-- Records for processing follows --
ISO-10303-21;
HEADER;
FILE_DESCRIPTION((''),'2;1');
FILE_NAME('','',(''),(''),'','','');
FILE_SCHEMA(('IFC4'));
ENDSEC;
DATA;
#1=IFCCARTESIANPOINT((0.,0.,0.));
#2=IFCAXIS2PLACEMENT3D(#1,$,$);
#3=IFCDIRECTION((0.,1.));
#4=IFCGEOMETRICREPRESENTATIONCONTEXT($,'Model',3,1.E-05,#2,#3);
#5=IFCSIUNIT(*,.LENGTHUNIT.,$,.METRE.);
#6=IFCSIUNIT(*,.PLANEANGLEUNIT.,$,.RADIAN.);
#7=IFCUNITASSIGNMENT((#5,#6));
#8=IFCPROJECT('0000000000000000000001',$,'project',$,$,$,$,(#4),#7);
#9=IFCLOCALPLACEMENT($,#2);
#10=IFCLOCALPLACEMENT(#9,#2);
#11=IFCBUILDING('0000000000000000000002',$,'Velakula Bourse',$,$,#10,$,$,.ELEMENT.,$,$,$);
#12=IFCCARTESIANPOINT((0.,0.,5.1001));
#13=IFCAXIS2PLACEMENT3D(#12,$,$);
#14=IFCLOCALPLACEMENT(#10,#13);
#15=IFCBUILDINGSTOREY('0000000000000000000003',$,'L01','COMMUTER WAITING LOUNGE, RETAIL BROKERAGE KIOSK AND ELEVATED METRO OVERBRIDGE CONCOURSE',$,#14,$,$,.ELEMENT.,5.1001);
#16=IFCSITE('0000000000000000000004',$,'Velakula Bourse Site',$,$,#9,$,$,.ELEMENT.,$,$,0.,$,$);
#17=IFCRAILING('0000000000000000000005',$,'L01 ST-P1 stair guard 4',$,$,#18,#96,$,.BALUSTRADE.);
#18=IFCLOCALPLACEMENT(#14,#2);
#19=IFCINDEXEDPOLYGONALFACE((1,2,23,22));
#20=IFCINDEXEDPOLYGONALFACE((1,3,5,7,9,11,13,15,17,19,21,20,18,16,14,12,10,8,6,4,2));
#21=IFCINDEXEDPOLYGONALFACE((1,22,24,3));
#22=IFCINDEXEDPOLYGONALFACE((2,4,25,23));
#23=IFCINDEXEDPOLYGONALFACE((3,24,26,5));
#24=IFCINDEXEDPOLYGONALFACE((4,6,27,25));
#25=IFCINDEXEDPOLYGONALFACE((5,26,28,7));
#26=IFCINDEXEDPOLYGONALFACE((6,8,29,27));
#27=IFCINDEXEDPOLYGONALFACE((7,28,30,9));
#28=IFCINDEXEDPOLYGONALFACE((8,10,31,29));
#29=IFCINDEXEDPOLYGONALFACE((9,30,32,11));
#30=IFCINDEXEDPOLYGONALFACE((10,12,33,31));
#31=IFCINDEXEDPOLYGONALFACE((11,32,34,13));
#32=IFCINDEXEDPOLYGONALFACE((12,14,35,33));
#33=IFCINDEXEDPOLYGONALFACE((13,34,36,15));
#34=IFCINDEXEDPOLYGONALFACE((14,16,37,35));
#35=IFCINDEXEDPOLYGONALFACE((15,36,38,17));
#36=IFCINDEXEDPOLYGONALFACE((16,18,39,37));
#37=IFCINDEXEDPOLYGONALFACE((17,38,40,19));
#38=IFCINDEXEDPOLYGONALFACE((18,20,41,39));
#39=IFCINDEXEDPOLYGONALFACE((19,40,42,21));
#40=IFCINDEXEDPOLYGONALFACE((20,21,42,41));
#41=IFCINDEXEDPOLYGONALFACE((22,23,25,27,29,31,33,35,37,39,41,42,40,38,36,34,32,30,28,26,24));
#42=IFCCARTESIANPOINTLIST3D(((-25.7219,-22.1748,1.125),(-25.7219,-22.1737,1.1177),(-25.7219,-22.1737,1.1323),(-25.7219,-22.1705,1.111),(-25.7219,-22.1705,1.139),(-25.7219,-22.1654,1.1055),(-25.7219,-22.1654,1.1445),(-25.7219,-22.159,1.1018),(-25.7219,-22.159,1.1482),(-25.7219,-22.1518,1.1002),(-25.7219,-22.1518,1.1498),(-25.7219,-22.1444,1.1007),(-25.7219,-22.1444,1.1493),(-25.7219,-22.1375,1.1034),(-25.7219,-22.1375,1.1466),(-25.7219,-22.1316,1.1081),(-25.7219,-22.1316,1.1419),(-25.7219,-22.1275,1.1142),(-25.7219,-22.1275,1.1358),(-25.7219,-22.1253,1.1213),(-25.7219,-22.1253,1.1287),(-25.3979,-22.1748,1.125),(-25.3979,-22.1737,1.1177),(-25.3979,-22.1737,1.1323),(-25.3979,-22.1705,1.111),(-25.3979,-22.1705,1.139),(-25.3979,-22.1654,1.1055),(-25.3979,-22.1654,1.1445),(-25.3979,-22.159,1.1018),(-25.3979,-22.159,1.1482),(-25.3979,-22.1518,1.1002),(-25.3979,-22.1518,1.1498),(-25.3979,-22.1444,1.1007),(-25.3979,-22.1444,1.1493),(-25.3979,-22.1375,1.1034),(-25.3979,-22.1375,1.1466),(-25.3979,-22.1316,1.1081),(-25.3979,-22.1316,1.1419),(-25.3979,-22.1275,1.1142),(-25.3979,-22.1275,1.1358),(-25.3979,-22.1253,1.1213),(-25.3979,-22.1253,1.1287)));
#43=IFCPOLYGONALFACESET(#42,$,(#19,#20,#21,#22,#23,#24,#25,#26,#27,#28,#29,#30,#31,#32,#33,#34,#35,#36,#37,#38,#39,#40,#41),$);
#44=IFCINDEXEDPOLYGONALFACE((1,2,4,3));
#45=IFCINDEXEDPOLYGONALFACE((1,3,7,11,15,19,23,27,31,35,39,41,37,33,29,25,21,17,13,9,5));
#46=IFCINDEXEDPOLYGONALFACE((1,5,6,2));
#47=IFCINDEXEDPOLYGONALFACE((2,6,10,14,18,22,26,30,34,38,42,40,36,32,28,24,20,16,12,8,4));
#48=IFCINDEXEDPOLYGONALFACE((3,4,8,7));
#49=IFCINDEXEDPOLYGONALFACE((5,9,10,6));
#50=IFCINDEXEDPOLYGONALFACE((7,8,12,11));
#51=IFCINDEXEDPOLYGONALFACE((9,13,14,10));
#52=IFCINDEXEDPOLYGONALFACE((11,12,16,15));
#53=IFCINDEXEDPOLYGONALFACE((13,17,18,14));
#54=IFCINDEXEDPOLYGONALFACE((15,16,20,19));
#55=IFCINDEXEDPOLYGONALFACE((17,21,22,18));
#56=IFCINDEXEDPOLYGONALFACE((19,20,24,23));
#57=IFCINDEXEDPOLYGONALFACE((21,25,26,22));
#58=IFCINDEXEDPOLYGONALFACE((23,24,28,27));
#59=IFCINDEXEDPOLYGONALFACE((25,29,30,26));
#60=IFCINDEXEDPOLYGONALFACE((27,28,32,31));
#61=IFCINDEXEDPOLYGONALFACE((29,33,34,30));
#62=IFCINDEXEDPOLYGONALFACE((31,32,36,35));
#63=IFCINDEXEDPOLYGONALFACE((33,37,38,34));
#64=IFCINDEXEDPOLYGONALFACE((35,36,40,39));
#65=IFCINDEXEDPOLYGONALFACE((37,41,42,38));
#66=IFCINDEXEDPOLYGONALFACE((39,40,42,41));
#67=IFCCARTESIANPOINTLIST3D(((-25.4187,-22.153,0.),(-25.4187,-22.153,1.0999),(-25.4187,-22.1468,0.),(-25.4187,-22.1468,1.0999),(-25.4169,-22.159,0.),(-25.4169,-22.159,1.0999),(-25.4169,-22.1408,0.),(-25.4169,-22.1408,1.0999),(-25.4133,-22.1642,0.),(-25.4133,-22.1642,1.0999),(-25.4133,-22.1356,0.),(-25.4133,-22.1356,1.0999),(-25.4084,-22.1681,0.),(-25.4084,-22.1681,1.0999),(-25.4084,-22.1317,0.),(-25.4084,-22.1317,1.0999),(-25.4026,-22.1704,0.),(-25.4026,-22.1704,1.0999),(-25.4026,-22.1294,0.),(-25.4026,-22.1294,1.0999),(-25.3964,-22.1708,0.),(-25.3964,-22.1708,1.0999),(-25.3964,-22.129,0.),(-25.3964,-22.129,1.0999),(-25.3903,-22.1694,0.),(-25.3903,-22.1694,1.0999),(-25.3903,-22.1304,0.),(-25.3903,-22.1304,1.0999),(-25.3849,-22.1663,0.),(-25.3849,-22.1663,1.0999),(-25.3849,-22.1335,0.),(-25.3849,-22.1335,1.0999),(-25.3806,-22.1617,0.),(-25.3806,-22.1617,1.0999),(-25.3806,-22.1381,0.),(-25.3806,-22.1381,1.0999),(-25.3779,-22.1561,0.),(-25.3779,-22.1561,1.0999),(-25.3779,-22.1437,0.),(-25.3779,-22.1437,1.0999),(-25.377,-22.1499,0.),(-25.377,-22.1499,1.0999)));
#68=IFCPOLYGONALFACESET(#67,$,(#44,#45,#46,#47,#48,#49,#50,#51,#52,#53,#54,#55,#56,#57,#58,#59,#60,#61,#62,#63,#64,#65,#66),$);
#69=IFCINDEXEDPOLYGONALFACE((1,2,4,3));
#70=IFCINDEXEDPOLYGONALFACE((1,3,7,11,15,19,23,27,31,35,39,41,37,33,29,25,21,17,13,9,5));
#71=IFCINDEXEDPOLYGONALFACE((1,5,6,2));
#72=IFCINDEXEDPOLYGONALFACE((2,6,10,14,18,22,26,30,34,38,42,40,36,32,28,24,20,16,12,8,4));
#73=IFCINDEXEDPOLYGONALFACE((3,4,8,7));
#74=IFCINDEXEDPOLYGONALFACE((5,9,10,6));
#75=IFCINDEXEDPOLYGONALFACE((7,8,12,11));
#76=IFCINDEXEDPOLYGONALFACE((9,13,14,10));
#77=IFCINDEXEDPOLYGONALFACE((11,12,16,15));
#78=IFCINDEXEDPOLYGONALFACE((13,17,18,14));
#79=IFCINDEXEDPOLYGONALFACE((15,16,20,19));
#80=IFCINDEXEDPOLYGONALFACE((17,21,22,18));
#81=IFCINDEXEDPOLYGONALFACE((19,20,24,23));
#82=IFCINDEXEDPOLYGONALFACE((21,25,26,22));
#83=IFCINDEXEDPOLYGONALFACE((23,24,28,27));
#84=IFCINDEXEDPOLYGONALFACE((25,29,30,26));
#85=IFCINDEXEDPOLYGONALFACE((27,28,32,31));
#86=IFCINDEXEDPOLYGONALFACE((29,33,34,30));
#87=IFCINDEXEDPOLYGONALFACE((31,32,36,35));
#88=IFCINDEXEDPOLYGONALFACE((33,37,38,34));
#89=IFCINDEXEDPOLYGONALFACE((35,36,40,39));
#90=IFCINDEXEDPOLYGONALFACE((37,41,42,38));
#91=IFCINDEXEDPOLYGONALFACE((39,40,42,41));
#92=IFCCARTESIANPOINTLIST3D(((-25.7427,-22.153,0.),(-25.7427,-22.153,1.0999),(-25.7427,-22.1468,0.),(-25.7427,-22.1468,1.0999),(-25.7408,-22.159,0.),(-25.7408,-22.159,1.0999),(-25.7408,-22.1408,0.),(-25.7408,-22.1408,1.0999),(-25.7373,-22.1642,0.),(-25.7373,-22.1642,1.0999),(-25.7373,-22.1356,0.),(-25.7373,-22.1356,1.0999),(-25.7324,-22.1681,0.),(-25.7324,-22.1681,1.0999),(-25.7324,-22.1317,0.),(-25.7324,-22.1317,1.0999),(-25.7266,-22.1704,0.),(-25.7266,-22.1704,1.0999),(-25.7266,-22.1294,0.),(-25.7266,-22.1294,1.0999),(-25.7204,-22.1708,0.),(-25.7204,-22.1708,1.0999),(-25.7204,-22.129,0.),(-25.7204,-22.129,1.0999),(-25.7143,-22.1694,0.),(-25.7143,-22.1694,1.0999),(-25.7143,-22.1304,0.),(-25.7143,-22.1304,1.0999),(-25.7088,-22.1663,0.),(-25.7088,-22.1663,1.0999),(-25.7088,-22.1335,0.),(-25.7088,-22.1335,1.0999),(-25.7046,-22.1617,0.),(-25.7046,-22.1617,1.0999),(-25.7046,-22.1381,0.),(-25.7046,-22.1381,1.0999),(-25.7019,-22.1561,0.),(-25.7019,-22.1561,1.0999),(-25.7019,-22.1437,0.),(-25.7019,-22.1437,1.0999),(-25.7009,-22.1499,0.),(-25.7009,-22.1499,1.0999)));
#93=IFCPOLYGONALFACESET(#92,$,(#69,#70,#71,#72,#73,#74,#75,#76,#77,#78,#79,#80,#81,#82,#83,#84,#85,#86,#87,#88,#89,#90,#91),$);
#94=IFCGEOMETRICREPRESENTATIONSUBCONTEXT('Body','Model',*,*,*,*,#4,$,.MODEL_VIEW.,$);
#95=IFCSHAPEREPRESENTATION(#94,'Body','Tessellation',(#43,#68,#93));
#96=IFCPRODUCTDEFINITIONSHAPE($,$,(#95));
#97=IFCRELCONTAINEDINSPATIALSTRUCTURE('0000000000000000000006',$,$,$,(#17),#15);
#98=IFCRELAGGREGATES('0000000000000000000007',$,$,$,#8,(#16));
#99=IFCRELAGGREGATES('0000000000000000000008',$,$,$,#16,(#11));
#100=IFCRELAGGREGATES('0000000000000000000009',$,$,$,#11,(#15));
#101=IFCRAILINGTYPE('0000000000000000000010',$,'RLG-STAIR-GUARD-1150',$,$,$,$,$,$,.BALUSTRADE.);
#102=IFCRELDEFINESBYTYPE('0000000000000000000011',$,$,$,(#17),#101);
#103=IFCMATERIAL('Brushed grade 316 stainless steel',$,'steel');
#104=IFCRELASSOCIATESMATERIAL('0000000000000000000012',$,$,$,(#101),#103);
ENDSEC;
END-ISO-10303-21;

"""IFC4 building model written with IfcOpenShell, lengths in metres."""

from ifc_helpers import new_model, si_unit, direction, frame, origin, origin_2d, place, context, subcontext, project, spatial, circle, extrude, material, type_object, element, save


model = new_model("IFC4")

# Units and contexts
model_context = context("Model", 3, precision=1e-05, world=origin(), true_north=direction((0.0, 1.0)))
body_context = subcontext(model_context, "Body", "Model", "MODEL_VIEW")
ifc_project = project(units=[si_unit("LENGTHUNIT", "METRE"), si_unit("PLANEANGLEUNIT", "RADIAN")], contexts=[model_context])

# Site, building, storey
site_placement = place(None, origin())
site = spatial("IfcSite", under=ifc_project, at=site_placement, Name="Velakula Bourse Site", CompositionType="ELEMENT", RefElevation=0.0)
building_placement = place(site_placement, origin())
building = spatial("IfcBuilding", under=site, at=building_placement, Name="Velakula Bourse", CompositionType="ELEMENT")
storey_placement = place(building_placement, frame((0.0, 0.0, 5.1001)))
storey = spatial("IfcBuildingStorey", under=building, at=storey_placement, Name="L01", Description="COMMUTER WAITING LOUNGE, RETAIL BROKERAGE KIOSK AND ELEVATED METRO OVERBRIDGE CONCOURSE", CompositionType="ELEMENT", Elevation=5.1001)

# Railing
ifc_material_1 = material(Name="Brushed grade 316 stainless steel", Category="steel")
railing_type_1 = type_object("IfcRailingType", Name="RLG-STAIR-GUARD-1150", PredefinedType="BALUSTRADE", material=ifc_material_1)
railing_1_placement = place(storey_placement, frame((-25.3979, -22.1499, 0.0)))
element("IfcRailing", 1, at=railing_1_placement, inside=storey, type_object=railing_type_1, Name="L01 ST-P1 stair guard 4", PredefinedType="BALUSTRADE", context=body_context, shape_type="SweptSolid", body=[
    extrude(circle(Radius=0.0249, at=origin_2d()), frame((0.0, 0.0, 1.125), z_axis=(-1.0, 0.0, 0.0), x_axis=(0.0, -1.0, 0.0)), (0.0, 0.0, 1.0), 0.324),
    extrude(circle(Radius=0.021, at=origin_2d()), origin(), (0.0, 0.0, 1.0), 1.0999),
    extrude(circle(Radius=0.021, at=origin_2d()), frame((-0.324, 0.0, 0.0)), (0.0, 0.0, 1.0), 1.0999),
])

save(model, "model.ifc")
-- Records for processing concluded --
How to complete this task: The first line of the entries, the line with "#9=IFCLOCALPLACEMENT($,#2);", and every line between them should be retyped exactly, and nothing else.

Result of the exercise:
ISO-10303-21;
HEADER;
FILE_DESCRIPTION((''),'2;1');
FILE_NAME('','',(''),(''),'','','');
FILE_SCHEMA(('IFC4'));
ENDSEC;
DATA;
#1=IFCCARTESIANPOINT((0.,0.,0.));
#2=IFCAXIS2PLACEMENT3D(#1,$,$);
#3=IFCDIRECTION((0.,1.));
#4=IFCGEOMETRICREPRESENTATIONCONTEXT($,'Model',3,1.E-05,#2,#3);
#5=IFCSIUNIT(*,.LENGTHUNIT.,$,.METRE.);
#6=IFCSIUNIT(*,.PLANEANGLEUNIT.,$,.RADIAN.);
#7=IFCUNITASSIGNMENT((#5,#6));
#8=IFCPROJECT('0000000000000000000001',$,'project',$,$,$,$,(#4),#7);
#9=IFCLOCALPLACEMENT($,#2);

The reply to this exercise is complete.